TASK DIRECTIONS:
In the listing below, locate the lines bearing the word "IFCRELAGGREGATES". Copy every one of them.
*** DATA PROVIDED ***
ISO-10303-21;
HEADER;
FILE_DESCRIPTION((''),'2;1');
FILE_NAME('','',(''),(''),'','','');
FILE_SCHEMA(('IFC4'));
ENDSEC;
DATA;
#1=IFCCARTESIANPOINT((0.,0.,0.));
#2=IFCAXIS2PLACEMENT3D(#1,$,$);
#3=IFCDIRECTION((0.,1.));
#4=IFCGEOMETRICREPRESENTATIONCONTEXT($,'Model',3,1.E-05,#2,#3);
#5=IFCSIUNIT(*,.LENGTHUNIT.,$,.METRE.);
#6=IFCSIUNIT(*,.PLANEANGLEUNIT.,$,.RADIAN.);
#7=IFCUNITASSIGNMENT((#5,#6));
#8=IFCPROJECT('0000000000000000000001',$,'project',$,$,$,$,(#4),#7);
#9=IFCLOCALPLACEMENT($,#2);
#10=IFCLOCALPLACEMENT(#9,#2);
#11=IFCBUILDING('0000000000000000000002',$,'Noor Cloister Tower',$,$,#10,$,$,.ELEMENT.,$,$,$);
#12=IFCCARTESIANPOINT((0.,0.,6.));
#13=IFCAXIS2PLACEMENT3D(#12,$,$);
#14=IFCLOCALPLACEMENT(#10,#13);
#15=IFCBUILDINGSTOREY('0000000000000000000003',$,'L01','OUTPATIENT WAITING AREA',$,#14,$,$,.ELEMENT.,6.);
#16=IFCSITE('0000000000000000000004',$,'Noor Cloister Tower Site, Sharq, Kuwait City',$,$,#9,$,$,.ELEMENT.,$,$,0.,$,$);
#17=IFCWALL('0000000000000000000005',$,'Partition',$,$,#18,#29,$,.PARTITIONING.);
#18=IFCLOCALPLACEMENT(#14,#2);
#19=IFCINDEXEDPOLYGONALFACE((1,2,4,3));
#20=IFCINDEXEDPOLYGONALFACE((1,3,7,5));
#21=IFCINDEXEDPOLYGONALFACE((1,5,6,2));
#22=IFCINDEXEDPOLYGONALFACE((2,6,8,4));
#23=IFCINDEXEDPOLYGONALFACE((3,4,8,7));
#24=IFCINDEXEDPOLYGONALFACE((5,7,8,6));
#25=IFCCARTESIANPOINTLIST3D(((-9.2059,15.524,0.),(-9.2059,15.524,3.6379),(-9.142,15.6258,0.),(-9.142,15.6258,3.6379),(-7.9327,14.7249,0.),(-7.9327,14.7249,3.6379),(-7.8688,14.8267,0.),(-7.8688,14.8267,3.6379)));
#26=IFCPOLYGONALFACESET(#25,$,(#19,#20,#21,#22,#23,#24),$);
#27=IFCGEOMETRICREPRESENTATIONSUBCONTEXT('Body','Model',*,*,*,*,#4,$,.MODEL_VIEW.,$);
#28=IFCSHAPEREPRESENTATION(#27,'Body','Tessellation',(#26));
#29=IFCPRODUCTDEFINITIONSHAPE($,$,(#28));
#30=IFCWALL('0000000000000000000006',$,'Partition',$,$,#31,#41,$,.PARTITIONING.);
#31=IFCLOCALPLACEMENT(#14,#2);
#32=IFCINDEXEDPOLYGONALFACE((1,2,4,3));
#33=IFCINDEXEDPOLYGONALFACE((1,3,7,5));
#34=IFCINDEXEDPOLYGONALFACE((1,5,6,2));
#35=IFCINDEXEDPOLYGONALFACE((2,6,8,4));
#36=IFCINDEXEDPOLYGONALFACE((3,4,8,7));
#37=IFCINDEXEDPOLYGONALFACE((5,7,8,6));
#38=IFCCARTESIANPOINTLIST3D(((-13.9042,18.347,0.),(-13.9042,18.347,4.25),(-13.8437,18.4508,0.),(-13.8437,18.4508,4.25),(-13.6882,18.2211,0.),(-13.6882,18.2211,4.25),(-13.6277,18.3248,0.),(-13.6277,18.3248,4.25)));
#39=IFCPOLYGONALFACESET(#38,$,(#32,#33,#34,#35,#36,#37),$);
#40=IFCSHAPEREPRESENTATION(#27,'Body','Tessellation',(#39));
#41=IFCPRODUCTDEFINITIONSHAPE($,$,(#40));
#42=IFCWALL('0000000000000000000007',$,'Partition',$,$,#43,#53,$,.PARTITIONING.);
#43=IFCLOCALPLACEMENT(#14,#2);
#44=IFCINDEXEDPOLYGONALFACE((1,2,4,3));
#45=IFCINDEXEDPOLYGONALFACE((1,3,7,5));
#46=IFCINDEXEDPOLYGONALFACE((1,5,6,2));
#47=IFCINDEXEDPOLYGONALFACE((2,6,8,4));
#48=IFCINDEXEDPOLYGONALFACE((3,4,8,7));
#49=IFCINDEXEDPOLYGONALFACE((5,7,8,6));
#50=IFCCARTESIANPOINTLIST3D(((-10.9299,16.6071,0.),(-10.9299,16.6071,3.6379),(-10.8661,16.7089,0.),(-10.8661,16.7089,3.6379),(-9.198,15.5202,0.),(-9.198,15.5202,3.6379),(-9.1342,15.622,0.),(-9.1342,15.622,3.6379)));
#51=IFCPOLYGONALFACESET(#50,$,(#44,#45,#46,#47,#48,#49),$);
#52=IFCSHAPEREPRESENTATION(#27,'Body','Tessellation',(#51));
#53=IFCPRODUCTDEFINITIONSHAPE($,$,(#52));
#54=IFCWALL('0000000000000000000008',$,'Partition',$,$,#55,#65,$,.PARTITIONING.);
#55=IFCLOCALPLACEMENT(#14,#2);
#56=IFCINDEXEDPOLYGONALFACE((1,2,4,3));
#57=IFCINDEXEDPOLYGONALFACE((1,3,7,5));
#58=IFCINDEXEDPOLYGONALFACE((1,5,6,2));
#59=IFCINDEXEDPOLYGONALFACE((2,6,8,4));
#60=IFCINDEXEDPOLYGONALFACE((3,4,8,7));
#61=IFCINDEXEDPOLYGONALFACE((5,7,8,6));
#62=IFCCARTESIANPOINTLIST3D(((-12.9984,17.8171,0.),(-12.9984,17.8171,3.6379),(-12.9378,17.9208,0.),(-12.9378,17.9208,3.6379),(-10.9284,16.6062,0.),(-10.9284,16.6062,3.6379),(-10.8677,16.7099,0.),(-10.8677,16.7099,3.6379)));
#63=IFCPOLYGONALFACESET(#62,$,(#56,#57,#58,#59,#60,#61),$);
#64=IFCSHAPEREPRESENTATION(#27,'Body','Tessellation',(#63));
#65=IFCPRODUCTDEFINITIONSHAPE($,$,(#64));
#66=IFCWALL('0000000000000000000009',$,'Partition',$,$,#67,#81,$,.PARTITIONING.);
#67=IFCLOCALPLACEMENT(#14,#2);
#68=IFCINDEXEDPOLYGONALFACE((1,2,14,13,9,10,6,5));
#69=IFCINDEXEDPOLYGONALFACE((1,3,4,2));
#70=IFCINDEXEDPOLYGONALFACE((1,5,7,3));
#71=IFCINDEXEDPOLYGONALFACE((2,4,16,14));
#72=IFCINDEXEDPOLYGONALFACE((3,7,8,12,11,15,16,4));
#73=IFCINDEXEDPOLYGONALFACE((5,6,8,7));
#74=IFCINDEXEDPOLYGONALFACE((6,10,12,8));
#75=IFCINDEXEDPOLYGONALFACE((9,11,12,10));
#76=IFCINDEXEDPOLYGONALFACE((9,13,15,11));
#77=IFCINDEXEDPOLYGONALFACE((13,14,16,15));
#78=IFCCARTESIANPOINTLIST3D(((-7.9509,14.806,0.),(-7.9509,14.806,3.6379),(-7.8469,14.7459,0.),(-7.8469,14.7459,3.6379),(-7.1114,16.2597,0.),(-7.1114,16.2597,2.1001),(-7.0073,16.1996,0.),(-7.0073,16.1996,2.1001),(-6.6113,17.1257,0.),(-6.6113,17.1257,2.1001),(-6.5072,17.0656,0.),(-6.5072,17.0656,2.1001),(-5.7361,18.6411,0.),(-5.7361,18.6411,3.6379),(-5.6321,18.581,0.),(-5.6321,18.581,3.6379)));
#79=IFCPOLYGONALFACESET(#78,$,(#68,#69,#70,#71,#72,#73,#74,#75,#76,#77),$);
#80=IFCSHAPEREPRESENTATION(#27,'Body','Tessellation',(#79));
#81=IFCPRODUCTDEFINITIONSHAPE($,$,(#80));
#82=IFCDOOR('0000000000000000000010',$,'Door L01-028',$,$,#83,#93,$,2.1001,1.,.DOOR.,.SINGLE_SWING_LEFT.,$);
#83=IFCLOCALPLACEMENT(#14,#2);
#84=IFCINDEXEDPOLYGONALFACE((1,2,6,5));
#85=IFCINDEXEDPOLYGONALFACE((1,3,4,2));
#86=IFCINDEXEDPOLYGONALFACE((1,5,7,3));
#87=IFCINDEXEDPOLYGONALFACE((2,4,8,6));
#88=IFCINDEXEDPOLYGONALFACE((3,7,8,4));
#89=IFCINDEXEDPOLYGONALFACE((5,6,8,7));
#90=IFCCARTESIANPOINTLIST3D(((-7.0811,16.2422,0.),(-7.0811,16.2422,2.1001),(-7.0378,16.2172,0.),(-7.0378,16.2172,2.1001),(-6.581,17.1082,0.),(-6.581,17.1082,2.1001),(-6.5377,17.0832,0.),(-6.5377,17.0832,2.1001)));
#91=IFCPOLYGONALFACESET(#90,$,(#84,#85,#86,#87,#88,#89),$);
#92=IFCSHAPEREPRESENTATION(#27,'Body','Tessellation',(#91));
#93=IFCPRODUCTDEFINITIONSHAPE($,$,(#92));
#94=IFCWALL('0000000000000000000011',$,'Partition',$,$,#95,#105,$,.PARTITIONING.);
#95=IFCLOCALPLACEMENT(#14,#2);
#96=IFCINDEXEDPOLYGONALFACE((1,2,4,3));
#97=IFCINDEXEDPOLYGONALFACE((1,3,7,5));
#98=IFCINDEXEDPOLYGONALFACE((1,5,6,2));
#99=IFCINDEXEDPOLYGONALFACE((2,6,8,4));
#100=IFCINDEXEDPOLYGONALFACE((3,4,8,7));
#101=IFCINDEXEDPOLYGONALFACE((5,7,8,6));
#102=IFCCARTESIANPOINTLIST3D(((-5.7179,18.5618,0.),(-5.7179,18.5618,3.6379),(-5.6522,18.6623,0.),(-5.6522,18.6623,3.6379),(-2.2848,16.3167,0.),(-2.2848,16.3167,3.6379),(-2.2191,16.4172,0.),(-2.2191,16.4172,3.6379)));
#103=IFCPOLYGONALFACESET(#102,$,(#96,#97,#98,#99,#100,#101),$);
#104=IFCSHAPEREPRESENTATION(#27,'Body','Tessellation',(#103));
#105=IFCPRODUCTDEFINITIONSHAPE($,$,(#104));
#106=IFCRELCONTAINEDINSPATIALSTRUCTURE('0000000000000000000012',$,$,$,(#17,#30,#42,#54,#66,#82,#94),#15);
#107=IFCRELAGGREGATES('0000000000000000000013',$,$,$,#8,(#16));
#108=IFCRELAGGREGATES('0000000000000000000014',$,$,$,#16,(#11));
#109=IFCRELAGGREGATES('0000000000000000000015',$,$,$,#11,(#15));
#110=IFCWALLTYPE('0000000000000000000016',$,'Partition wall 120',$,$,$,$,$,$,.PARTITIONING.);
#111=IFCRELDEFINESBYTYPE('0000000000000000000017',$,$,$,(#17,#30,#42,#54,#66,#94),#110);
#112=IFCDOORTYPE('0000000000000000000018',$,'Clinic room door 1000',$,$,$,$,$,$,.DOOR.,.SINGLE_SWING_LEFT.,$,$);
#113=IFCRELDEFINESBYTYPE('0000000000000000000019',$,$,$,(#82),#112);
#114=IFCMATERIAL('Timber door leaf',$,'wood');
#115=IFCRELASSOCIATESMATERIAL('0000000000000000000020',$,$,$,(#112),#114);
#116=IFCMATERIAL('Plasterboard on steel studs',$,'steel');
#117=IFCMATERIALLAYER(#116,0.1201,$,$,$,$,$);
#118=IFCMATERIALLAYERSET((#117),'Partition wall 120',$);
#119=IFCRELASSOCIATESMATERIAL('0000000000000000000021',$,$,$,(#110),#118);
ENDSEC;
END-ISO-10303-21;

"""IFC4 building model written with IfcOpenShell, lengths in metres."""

from ifc_helpers import new_model, si_unit, direction, frame, frame_2d, origin, place, context, subcontext, project, spatial, rectangle, extrude, material, layer, layer_set, type_object, element, fill, save


model = new_model("IFC4")

# Units and contexts
model_context = context("Model", 3, precision=1e-05, world=origin(), true_north=direction((0.0, 1.0)))
body_context = subcontext(model_context, "Body", "Model", "MODEL_VIEW")
ifc_project = project(units=[si_unit("LENGTHUNIT", "METRE"), si_unit("PLANEANGLEUNIT", "RADIAN")], contexts=[model_context])

# Site, building, storey
site_placement = place(None, origin())
site = spatial("IfcSite", under=ifc_project, at=site_placement, Name="Noor Cloister Tower Site, Sharq, Kuwait City", CompositionType="ELEMENT", RefElevation=0.0)
building_placement = place(site_placement, origin())
building = spatial("IfcBuilding", under=site, at=building_placement, Name="Noor Cloister Tower", CompositionType="ELEMENT")
storey_placement = place(building_placement, frame((0.0, 0.0, 6.0)))
storey = spatial("IfcBuildingStorey", under=building, at=storey_placement, Name="L01", Description="OUTPATIENT WAITING AREA", CompositionType="ELEMENT", Elevation=6.0)

# Shared definitions
ifc_material_1 = material(Name="Timber door leaf", Category="wood")
door_type = type_object("IfcDoorType", Name="Clinic room door 1000", OperationType="SINGLE_SWING_LEFT", PredefinedType="DOOR", material=ifc_material_1)

# Shared definitions
ifc_material_2 = material(Name="Plasterboard on steel studs", Category="steel")
ifc_layer_1 = layer(ifc_material_2, 0.1201)
ifc_layer_set_1 = layer_set([ifc_layer_1], Name="Partition wall 120")
wall_type_1 = type_object("IfcWallType", Name="Partition wall 120", PredefinedType="PARTITIONING", material=ifc_layer_set_1)

# Walls
wall_1_placement = place(storey_placement, frame((-7.9009, 14.7759, 0.0), z_axis=(0.0, 0.0, 1.0), x_axis=(-0.847002, 0.531589, 0.0)))
element("IfcWall", 1, at=wall_1_placement, inside=storey, type_object=wall_type_1, Name="Partition", PredefinedType="PARTITIONING", context=body_context, shape_type="SweptSolid", body=[
    extrude(rectangle(XDim=1.5032, YDim=0.1201, at=frame_2d((0.7515, 0.0))), origin(), (0.0, 0.0, 1.0), 3.6379),
])
wall_2_placement = place(storey_placement, frame((-13.658, 18.2729, 0.0), z_axis=(0.0, 0.0, 1.0), x_axis=(-0.863885, 0.503689, 0.0)))
element("IfcWall", 2, at=wall_2_placement, inside=storey, type_object=wall_type_1, Name="Partition", PredefinedType="PARTITIONING", context=body_context, shape_type="SweptSolid", body=[
    extrude(rectangle(XDim=0.25, YDim=0.1201, at=frame_2d((0.125, 0.0))), origin(), (0.0, 0.0, 1.0), 4.25),
])
wall_3_placement = place(storey_placement, frame((-9.166, 15.571, 0.0), z_axis=(0.0, 0.0, 1.0), x_axis=(-0.847018, 0.531565, 0.0)))
element("IfcWall", 3, at=wall_3_placement, inside=storey, type_object=wall_type_1, Name="Partition", PredefinedType="PARTITIONING", context=body_context, shape_type="SweptSolid", body=[
    extrude(rectangle(XDim=2.0447, YDim=0.1201, at=frame_2d((1.0225, 0.0))), origin(), (0.0, 0.0, 1.0), 3.6379),
])
wall_4_placement = place(storey_placement, frame((-10.8979, 16.658, 0.0), z_axis=(0.0, 0.0, 1.0), x_axis=(-0.863162, 0.504928, 0.0)))
element("IfcWall", 4, at=wall_4_placement, inside=storey, type_object=wall_type_1, Name="Partition", PredefinedType="PARTITIONING", context=body_context, shape_type="SweptSolid", body=[
    extrude(rectangle(XDim=2.3982, YDim=0.1201, at=frame_2d((1.1992, 0.0))), origin(), (0.0, 0.0, 1.0), 3.6379),
])

# Wall, opening, door
wall_5_placement = place(storey_placement, frame((-5.6841, 18.6111, 0.0), z_axis=(0.0, 0.0, 1.0), x_axis=(-0.500099, -0.865968, 0.0)))
wall_5 = element("IfcWall", 5, at=wall_5_placement, inside=storey, type_object=wall_type_1, Name="Partition", PredefinedType="PARTITIONING", context=body_context, shape_type="SweptSolid", body=[
    extrude(rectangle(XDim=4.4287, YDim=0.1201, at=frame_2d((2.2144, 0.0))), origin(), (0.0, 0.0, 1.0), 3.6379),
])
opening_1_placement = place(wall_5_placement, frame((1.75, 0.0, 0.0)))
opening_1 = element("IfcOpeningElement", 6, at=opening_1_placement, cuts=wall_5, PredefinedType="OPENING", context=body_context, shape_type="SweptSolid", body=[
    extrude(rectangle(XDim=1.0, YDim=2.1001, at=frame_2d((0.5, 1.05))), frame((0.0, 0.0701, 0.0), z_axis=(0.0, -1.0, 0.0), x_axis=(1.0, 0.0, 0.0)), (0.0, 0.0, 1.0), 0.1401),
])
door_1_placement = place(opening_1_placement, origin())
door_1 = element("IfcDoor", 7, at=door_1_placement, inside=storey, type_object=door_type, Name="Door L01-028", OperationType="SINGLE_SWING_LEFT", OverallHeight=2.1001, OverallWidth=1.0, PredefinedType="DOOR", context=body_context, shape_type="SweptSolid", body=[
*** End of DATA PROVIDED ***
EXERCISE ANSWER:
#107=IFCRELAGGREGATES('0000000000000000000013',$,$,$,#8,(#16));
#108=IFCRELAGGREGATES('0000000000000000000014',$,$,$,#16,(#11));
#109=IFCRELAGGREGATES('0000000000000000000015',$,$,$,#11,(#15));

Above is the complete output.